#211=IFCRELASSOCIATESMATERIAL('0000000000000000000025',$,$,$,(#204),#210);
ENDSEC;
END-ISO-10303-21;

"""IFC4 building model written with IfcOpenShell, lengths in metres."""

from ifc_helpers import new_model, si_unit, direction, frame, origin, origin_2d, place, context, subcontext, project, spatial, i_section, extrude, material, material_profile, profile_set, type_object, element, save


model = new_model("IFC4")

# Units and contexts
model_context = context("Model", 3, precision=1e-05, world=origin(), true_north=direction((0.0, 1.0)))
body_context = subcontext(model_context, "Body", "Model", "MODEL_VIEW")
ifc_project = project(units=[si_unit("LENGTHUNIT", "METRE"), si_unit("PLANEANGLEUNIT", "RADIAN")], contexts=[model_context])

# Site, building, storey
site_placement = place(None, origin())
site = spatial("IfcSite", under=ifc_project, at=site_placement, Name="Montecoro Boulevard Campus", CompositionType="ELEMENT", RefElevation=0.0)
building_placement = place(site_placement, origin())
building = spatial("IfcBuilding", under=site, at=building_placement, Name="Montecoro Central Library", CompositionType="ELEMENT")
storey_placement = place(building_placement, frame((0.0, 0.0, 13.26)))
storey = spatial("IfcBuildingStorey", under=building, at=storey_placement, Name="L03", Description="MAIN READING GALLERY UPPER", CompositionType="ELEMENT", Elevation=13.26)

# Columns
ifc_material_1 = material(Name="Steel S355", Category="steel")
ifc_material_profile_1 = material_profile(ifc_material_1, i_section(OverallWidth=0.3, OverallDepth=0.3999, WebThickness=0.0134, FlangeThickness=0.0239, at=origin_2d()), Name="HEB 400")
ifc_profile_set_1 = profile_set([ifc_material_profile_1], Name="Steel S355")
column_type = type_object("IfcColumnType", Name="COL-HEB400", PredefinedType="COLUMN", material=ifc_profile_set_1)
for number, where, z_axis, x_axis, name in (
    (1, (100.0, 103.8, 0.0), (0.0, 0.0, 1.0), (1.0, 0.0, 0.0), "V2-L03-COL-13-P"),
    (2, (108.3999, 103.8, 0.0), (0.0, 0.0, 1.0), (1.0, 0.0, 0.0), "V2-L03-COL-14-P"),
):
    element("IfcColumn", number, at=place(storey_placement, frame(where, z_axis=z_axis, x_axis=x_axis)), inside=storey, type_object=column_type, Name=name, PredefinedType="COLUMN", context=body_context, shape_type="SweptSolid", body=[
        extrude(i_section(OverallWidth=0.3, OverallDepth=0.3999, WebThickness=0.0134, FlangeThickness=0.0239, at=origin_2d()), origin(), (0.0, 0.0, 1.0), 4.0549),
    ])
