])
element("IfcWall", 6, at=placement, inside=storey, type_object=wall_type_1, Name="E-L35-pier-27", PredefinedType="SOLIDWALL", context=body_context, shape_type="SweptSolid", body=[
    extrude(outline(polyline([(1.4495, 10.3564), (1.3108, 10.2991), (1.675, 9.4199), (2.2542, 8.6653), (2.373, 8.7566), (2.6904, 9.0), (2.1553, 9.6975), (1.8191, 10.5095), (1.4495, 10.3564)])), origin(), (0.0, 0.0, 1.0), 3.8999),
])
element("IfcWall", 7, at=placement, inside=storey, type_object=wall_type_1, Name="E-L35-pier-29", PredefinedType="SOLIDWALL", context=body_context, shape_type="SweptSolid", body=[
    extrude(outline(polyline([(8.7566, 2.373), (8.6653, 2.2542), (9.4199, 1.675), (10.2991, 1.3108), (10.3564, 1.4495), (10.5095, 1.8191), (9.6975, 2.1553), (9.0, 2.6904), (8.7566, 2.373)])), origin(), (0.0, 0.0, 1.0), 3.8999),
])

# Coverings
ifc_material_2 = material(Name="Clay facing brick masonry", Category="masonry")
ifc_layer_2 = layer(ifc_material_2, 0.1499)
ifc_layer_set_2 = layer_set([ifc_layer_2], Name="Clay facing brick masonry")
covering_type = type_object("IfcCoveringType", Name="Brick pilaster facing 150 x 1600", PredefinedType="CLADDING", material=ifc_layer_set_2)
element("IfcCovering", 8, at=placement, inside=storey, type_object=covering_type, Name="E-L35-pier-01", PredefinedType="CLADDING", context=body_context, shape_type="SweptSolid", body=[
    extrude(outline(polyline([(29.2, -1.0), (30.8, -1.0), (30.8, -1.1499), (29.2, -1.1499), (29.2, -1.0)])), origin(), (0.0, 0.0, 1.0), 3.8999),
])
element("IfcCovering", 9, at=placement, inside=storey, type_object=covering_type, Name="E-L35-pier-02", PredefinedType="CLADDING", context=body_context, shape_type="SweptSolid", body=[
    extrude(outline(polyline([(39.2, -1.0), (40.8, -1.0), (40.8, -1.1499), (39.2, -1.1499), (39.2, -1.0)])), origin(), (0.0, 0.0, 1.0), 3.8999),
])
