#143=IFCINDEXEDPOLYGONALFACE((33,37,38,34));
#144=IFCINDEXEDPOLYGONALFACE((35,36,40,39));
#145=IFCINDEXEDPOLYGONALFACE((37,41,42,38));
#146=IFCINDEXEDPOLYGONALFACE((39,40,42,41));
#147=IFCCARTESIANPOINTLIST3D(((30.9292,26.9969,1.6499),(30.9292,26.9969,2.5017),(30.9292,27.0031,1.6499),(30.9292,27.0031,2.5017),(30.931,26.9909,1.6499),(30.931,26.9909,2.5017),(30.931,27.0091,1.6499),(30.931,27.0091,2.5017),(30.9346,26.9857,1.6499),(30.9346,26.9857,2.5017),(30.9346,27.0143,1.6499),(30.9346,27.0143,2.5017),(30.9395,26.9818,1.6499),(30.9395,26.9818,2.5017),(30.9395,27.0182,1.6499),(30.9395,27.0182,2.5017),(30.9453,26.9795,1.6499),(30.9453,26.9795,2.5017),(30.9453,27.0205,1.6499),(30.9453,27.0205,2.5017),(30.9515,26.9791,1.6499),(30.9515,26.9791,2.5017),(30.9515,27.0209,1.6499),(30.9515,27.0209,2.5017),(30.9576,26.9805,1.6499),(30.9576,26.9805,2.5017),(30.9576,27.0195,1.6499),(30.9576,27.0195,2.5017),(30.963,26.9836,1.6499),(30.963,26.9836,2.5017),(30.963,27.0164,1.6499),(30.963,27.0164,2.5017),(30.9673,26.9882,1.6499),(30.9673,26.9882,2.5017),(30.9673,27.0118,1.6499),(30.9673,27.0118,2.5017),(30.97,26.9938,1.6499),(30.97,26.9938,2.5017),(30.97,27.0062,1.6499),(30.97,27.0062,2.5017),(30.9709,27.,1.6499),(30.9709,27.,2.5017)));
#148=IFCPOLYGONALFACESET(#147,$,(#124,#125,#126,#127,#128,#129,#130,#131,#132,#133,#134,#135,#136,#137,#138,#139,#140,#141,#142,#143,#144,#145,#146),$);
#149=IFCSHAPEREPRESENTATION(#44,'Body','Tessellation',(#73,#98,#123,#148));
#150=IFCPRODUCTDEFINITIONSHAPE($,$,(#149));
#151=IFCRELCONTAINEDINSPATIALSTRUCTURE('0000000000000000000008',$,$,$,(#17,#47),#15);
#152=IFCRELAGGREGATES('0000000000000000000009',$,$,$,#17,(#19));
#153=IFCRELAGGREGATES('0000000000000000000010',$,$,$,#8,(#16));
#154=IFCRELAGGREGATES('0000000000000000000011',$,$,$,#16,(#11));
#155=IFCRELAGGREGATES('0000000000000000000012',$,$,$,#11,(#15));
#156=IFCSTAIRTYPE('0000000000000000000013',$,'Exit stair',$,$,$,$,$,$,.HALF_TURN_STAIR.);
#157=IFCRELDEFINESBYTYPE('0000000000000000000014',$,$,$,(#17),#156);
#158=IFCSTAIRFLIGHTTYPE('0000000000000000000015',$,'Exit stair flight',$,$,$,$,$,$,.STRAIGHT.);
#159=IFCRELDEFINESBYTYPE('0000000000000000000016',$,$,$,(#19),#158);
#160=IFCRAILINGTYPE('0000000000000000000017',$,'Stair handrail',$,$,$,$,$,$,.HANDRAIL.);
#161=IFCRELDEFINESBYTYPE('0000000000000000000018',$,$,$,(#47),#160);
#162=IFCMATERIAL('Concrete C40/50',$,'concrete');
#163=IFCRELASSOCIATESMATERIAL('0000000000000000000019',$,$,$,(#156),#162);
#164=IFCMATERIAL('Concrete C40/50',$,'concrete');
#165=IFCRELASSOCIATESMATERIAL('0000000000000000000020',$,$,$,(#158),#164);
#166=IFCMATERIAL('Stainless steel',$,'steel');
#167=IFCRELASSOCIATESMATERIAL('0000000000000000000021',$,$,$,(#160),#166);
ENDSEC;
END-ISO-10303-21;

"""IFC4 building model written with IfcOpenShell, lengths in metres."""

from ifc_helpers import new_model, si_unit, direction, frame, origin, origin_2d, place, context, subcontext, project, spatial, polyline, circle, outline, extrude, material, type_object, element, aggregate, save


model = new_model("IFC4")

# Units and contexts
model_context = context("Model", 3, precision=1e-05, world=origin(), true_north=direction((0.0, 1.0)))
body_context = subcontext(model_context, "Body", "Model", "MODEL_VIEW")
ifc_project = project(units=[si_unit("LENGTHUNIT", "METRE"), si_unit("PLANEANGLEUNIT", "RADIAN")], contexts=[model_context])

## Task goal
Check how many lines in the entries contain "IFCRELASSOCIATESMATERIAL", and reply with that number alone.

## Answer box
4